◆ REQUIREMENT
A single number is the answer: the count of lines below that contain "save".

[Stored items]
*** Begin section ***
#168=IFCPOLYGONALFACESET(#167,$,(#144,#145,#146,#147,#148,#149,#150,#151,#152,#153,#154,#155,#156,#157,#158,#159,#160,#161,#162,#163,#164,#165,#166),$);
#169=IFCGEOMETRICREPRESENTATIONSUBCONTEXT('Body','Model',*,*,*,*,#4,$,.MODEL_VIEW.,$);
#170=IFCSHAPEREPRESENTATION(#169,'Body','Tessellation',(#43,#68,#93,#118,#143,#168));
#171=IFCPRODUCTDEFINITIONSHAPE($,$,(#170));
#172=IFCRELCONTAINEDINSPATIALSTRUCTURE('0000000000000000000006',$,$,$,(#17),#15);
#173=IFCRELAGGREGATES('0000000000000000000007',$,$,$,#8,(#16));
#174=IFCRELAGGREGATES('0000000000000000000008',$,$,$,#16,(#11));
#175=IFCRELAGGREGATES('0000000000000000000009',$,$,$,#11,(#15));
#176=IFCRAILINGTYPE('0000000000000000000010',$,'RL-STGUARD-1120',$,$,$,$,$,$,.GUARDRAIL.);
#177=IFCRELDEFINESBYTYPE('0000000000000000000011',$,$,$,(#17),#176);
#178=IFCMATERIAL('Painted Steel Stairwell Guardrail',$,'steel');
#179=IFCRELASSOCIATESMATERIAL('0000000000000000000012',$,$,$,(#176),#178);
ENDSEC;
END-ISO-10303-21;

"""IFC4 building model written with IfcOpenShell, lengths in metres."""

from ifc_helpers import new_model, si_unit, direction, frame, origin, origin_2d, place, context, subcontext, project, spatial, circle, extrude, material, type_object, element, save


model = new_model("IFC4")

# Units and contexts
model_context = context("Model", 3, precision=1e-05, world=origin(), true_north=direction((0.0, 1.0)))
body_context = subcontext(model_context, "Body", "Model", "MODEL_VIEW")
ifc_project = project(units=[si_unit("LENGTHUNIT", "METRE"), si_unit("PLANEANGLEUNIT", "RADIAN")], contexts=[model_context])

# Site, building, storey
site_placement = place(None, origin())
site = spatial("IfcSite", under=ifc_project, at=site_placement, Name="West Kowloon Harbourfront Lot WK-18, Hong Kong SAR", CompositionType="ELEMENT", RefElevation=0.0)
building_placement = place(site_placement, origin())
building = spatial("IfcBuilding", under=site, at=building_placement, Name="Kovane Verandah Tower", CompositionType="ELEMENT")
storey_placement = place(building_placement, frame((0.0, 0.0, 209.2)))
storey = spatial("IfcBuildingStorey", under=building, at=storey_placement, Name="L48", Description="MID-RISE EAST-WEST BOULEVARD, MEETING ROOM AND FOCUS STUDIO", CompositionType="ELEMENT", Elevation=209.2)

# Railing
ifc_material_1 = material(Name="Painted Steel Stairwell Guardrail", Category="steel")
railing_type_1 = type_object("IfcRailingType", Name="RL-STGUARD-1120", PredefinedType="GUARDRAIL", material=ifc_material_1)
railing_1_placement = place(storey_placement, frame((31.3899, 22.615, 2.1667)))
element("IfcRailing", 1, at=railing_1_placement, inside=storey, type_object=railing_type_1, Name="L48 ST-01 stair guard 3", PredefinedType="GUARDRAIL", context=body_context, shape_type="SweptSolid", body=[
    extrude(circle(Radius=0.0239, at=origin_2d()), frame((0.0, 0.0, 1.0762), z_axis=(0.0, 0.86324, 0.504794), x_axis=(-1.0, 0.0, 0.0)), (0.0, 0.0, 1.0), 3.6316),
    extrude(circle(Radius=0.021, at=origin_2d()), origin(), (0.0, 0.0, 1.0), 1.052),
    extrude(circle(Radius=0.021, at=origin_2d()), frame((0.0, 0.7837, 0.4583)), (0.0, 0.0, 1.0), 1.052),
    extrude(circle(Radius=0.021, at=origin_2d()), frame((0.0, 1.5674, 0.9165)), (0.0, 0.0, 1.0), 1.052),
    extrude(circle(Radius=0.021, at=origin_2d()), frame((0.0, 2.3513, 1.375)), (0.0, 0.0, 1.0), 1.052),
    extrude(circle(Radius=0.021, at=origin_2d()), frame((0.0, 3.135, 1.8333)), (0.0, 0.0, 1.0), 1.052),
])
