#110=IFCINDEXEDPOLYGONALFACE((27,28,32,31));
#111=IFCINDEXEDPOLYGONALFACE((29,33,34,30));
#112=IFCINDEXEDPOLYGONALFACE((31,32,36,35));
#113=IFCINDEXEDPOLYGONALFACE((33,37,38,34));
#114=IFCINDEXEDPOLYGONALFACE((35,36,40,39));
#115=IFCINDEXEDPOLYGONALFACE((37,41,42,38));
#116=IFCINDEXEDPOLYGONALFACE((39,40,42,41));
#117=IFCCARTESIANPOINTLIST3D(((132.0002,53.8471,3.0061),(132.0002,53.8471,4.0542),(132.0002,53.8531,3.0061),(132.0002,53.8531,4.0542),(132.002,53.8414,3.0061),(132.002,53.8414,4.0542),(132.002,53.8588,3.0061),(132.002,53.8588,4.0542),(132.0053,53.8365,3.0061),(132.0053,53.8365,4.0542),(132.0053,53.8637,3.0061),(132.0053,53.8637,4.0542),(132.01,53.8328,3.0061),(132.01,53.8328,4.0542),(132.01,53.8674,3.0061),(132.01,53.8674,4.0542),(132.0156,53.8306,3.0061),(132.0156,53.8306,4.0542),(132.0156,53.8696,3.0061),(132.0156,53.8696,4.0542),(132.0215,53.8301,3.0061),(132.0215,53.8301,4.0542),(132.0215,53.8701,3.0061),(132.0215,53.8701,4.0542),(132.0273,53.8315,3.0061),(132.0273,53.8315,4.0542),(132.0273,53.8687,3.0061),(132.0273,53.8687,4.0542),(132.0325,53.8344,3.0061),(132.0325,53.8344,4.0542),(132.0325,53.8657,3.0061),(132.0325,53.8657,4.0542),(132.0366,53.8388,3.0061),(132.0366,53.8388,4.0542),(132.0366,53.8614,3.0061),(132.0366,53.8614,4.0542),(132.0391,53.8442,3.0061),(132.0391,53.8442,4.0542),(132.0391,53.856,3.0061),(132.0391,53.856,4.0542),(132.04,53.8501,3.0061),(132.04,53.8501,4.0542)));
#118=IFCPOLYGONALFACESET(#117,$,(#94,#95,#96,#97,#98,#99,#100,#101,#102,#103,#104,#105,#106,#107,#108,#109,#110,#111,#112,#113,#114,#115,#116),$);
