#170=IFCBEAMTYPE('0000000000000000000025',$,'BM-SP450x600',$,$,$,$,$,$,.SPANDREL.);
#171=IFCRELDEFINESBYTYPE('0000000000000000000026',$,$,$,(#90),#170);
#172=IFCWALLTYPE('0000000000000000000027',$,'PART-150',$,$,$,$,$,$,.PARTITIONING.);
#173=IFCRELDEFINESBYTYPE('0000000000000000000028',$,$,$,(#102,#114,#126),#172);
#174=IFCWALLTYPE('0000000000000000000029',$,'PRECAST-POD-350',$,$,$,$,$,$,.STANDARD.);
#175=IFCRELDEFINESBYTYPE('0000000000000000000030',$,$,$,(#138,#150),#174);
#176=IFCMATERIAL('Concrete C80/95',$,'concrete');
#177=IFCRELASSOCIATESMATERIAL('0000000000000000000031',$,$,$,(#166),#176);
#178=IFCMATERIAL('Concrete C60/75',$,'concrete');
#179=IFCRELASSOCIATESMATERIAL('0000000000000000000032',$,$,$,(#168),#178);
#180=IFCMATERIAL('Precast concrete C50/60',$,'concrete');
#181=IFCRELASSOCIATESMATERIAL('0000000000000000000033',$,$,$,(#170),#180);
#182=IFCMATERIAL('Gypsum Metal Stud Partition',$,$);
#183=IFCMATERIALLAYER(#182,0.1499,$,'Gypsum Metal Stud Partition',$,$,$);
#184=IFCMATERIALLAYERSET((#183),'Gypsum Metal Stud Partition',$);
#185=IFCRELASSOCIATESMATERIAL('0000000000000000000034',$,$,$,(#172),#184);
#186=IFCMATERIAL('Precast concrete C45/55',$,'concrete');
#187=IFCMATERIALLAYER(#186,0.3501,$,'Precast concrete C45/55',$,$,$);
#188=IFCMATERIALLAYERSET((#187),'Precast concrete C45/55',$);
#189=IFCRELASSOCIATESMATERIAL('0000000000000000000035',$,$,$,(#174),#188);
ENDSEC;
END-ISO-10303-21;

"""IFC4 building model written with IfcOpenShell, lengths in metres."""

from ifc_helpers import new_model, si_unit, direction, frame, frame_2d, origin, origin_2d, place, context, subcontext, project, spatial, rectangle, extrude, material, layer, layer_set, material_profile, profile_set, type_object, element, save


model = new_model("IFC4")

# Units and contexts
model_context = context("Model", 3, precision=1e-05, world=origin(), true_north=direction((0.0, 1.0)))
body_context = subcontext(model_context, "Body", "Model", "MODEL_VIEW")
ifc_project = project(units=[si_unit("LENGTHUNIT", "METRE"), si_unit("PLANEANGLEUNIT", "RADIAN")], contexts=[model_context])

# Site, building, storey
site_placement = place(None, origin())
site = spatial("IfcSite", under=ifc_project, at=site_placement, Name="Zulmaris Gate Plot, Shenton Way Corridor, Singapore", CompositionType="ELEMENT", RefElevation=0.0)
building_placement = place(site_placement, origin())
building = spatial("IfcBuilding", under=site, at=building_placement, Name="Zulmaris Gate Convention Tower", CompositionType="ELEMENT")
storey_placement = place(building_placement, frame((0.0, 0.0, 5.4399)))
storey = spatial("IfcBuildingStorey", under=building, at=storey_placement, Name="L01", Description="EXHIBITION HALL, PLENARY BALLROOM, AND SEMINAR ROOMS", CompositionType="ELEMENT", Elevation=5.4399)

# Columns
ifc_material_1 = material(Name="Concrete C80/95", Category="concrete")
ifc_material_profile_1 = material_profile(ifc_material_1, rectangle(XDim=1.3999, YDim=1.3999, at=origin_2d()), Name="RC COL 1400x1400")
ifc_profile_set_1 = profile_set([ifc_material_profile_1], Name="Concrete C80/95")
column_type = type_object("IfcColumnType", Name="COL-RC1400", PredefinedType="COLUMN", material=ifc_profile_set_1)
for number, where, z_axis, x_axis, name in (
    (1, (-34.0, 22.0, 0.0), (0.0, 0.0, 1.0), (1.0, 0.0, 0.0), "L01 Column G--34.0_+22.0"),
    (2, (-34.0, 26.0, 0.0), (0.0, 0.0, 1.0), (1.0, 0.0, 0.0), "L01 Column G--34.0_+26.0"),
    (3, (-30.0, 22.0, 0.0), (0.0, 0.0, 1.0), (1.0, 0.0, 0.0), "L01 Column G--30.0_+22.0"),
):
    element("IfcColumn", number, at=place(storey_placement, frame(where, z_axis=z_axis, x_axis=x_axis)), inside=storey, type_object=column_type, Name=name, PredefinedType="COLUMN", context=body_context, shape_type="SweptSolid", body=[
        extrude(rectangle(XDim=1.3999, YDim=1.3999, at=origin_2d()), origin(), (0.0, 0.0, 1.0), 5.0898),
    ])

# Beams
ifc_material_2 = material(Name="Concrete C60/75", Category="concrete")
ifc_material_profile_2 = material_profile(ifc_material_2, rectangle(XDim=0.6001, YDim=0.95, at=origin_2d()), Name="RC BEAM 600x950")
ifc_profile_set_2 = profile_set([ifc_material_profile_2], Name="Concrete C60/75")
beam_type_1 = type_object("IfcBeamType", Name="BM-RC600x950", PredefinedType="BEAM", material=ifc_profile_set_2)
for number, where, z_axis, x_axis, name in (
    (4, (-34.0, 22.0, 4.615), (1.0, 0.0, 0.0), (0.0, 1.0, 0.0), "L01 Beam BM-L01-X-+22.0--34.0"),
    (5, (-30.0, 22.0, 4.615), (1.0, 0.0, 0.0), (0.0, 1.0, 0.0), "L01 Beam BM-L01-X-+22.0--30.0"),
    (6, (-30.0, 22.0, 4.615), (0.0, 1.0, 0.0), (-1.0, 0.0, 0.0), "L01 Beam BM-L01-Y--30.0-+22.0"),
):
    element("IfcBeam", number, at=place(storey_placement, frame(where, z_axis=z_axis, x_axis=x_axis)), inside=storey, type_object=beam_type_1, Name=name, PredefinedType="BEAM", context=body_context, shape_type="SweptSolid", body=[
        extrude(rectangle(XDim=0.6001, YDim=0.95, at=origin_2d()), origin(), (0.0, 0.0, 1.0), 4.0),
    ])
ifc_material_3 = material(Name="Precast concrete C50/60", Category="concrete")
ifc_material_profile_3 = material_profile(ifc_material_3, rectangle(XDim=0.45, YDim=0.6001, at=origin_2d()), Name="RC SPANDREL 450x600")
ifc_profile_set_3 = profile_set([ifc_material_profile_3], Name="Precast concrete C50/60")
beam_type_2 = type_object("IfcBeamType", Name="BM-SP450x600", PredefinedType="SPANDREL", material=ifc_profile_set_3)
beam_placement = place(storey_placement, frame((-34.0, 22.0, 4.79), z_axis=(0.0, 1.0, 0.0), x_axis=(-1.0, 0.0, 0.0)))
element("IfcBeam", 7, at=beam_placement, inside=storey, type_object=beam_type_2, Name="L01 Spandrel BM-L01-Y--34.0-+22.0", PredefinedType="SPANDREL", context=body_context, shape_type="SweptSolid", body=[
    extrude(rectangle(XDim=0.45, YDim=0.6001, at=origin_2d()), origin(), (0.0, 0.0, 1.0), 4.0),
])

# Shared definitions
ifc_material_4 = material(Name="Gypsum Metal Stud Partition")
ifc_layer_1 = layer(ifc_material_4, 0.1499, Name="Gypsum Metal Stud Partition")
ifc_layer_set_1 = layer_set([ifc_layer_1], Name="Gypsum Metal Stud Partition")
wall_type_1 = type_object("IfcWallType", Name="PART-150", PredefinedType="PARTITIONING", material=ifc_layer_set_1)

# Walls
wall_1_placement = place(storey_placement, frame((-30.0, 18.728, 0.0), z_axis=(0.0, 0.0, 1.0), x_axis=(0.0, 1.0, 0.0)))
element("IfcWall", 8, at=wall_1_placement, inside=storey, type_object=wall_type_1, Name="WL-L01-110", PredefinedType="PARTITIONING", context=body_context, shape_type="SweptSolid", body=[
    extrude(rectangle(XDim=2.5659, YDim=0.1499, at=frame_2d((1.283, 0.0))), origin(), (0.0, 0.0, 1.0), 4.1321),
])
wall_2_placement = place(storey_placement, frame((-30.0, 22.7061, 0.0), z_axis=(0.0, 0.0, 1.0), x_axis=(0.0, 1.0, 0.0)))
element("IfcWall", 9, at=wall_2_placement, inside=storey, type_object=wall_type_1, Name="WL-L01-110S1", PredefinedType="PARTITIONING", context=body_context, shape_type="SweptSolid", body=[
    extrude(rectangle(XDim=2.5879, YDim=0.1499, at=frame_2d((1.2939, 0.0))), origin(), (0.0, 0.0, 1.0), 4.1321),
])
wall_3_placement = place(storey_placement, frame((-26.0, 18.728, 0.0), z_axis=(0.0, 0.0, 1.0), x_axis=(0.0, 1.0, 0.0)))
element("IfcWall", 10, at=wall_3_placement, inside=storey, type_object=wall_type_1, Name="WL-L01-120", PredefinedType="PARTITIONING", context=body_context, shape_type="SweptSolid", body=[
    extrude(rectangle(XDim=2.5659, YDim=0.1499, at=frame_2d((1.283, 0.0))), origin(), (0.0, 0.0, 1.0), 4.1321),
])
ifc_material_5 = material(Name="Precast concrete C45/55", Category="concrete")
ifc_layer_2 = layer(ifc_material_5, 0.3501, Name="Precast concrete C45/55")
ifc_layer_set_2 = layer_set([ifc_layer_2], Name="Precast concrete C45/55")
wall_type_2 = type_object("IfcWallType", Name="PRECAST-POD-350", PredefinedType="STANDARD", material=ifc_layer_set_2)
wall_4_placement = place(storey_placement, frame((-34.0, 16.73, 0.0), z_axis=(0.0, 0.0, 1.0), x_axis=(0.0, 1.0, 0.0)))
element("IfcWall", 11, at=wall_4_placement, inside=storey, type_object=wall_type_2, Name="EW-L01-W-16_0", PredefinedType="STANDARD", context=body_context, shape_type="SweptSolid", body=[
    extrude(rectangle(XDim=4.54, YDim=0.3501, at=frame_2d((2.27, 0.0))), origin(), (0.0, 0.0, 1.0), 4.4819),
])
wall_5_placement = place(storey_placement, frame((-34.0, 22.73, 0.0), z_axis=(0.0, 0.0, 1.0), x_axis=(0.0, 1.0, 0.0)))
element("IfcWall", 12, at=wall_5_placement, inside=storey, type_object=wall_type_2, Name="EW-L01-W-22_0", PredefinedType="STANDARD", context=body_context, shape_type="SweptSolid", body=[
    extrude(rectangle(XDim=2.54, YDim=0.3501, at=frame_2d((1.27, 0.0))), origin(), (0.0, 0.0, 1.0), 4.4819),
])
*** End section ***
◆ SOLVED PROBLEM
2